▶ [Required action]: Transcribe only part of the material below: the lines from the one containing "#170=IFCINDEXEDPOLYGONALFACE((11,15,16,12));" through the one containing "#179=IFCINDEXEDPOLYGONALFACE((29,30,32,31));", inclusive, exactly as written.

____________________

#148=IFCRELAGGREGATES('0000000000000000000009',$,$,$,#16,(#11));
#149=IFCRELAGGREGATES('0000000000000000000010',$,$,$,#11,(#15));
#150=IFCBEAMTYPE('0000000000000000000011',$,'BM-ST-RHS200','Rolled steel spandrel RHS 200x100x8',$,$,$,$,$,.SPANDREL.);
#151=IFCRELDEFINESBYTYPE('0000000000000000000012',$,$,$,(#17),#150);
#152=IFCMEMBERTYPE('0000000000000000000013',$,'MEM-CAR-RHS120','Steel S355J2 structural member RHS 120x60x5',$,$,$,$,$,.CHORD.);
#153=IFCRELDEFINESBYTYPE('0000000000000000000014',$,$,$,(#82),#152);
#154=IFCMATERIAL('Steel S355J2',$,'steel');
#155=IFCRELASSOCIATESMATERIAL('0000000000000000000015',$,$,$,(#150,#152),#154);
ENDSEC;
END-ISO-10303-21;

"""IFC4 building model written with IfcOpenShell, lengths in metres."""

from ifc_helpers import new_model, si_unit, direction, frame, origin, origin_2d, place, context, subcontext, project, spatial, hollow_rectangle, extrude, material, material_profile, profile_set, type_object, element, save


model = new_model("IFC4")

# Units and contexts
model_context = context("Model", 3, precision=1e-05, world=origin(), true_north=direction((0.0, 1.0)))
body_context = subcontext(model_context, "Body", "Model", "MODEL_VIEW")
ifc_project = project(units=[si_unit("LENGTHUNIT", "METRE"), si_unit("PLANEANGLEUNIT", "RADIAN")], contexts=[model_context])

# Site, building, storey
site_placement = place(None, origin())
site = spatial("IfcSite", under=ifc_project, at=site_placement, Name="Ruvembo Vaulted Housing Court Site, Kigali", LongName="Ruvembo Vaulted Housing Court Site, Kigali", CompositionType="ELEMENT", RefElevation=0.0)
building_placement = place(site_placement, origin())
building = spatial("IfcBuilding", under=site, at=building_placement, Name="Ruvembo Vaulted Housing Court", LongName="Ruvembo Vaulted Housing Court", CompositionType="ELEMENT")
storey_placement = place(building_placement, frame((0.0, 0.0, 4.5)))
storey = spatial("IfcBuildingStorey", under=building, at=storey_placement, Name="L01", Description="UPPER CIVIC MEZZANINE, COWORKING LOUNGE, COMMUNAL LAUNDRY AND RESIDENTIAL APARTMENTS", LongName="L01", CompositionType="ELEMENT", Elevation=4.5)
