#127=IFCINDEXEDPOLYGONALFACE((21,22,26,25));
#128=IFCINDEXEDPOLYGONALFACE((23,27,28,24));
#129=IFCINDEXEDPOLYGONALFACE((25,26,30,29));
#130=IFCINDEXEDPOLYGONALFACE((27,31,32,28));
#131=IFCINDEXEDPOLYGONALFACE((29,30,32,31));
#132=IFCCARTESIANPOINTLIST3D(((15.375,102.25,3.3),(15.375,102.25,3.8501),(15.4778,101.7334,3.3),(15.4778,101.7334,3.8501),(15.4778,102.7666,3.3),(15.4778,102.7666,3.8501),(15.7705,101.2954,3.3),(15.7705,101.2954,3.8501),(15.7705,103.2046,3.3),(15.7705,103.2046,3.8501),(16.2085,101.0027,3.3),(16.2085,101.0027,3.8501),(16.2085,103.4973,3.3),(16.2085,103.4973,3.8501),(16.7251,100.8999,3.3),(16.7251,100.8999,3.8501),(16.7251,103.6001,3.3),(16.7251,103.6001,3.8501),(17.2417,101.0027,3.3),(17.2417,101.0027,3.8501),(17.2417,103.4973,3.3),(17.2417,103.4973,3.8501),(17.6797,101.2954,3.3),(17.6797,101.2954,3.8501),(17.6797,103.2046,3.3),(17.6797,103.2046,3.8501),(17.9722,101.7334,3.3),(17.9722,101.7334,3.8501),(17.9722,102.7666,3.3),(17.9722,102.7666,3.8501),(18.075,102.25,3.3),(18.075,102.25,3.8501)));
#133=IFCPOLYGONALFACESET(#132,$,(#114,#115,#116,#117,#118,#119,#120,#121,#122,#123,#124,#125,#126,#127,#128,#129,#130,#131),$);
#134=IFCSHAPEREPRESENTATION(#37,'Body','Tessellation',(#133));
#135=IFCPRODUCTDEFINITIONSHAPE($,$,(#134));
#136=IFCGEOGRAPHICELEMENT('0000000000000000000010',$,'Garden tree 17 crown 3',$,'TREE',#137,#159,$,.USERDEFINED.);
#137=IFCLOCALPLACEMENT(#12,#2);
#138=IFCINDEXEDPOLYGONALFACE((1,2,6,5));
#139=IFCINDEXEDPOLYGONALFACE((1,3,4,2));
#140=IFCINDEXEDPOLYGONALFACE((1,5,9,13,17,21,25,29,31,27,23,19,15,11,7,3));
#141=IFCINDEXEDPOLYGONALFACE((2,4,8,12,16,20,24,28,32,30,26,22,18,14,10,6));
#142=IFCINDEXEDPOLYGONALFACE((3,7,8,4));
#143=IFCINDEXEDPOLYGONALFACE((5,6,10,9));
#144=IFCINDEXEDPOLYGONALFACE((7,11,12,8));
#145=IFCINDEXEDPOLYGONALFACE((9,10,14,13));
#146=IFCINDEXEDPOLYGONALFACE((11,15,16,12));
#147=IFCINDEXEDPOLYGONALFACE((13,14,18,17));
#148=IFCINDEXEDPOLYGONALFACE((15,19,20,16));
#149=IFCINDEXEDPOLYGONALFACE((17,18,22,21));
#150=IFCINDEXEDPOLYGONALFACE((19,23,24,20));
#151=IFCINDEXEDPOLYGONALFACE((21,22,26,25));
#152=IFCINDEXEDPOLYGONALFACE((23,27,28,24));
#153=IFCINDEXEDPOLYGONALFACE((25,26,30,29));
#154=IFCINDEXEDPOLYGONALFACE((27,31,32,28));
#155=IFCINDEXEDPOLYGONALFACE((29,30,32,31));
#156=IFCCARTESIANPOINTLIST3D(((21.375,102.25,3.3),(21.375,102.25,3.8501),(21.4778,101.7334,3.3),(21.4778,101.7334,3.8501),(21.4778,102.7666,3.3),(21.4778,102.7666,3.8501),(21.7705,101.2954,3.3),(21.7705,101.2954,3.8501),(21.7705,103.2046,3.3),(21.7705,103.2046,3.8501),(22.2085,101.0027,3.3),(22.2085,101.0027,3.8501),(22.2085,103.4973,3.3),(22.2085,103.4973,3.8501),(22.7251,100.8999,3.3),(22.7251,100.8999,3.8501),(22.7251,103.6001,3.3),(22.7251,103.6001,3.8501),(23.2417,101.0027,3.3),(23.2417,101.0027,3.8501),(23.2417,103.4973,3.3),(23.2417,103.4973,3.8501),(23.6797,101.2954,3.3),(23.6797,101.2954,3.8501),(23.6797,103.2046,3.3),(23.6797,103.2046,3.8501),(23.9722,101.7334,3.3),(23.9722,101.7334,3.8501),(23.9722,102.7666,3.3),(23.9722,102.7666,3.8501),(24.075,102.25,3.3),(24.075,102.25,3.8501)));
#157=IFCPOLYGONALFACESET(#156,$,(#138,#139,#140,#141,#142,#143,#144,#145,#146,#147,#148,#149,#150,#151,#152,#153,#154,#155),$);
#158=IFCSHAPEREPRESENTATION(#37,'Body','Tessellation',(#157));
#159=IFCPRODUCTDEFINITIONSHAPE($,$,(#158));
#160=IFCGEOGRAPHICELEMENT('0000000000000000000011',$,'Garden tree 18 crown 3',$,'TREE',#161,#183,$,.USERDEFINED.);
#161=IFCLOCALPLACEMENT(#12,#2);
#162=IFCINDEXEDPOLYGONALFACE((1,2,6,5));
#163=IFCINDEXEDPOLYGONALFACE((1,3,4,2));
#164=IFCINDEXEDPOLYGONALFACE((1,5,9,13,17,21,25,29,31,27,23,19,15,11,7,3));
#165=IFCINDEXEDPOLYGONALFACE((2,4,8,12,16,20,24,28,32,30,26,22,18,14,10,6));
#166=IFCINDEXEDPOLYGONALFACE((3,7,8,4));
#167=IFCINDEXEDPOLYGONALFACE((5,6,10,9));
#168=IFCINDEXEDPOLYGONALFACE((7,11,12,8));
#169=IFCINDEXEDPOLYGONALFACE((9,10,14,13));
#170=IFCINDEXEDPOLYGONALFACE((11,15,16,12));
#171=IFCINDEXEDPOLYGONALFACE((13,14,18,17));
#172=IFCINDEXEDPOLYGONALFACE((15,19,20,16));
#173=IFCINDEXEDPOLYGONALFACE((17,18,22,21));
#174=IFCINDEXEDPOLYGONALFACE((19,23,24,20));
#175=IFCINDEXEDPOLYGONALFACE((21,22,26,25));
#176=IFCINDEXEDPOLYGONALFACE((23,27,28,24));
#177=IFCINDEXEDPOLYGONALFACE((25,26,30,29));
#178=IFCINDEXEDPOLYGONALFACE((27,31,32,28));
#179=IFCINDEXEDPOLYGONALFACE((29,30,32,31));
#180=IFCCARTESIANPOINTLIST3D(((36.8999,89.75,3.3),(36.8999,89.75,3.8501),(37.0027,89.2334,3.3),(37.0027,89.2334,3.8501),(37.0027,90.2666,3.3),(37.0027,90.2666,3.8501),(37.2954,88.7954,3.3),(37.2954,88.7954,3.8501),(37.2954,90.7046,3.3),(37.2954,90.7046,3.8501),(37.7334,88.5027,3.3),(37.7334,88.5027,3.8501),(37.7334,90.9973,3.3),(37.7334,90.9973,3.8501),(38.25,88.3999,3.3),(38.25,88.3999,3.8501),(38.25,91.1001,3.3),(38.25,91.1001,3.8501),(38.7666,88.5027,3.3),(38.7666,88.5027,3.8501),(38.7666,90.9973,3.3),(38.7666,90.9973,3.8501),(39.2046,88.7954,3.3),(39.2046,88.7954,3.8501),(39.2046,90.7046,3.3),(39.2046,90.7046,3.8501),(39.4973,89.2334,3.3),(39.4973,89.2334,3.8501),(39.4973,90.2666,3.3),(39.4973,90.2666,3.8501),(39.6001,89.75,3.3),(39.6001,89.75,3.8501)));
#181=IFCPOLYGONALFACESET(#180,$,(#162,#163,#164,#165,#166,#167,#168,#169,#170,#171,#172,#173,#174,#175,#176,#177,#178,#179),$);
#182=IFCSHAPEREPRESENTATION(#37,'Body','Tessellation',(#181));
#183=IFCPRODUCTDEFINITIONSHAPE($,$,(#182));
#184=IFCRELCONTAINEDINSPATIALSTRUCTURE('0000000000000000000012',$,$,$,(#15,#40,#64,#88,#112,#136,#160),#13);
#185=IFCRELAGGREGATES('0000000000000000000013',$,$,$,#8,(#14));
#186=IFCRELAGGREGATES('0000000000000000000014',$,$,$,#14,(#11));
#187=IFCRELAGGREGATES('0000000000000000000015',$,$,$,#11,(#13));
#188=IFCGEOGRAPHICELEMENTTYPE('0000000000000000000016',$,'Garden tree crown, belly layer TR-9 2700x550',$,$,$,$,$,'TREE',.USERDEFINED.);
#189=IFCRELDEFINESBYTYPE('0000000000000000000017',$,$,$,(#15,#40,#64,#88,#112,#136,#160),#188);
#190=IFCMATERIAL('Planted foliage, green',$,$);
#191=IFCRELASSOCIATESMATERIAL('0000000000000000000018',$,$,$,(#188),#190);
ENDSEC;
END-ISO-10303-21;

____________________

▶ [Result of this task]:
#170=IFCINDEXEDPOLYGONALFACE((11,15,16,12));
#171=IFCINDEXEDPOLYGONALFACE((13,14,18,17));
#172=IFCINDEXEDPOLYGONALFACE((15,19,20,16));
#173=IFCINDEXEDPOLYGONALFACE((17,18,22,21));
#174=IFCINDEXEDPOLYGONALFACE((19,23,24,20));
#175=IFCINDEXEDPOLYGONALFACE((21,22,26,25));
#176=IFCINDEXEDPOLYGONALFACE((23,27,28,24));
#177=IFCINDEXEDPOLYGONALFACE((25,26,30,29));
#178=IFCINDEXEDPOLYGONALFACE((27,31,32,28));
#179=IFCINDEXEDPOLYGONALFACE((29,30,32,31));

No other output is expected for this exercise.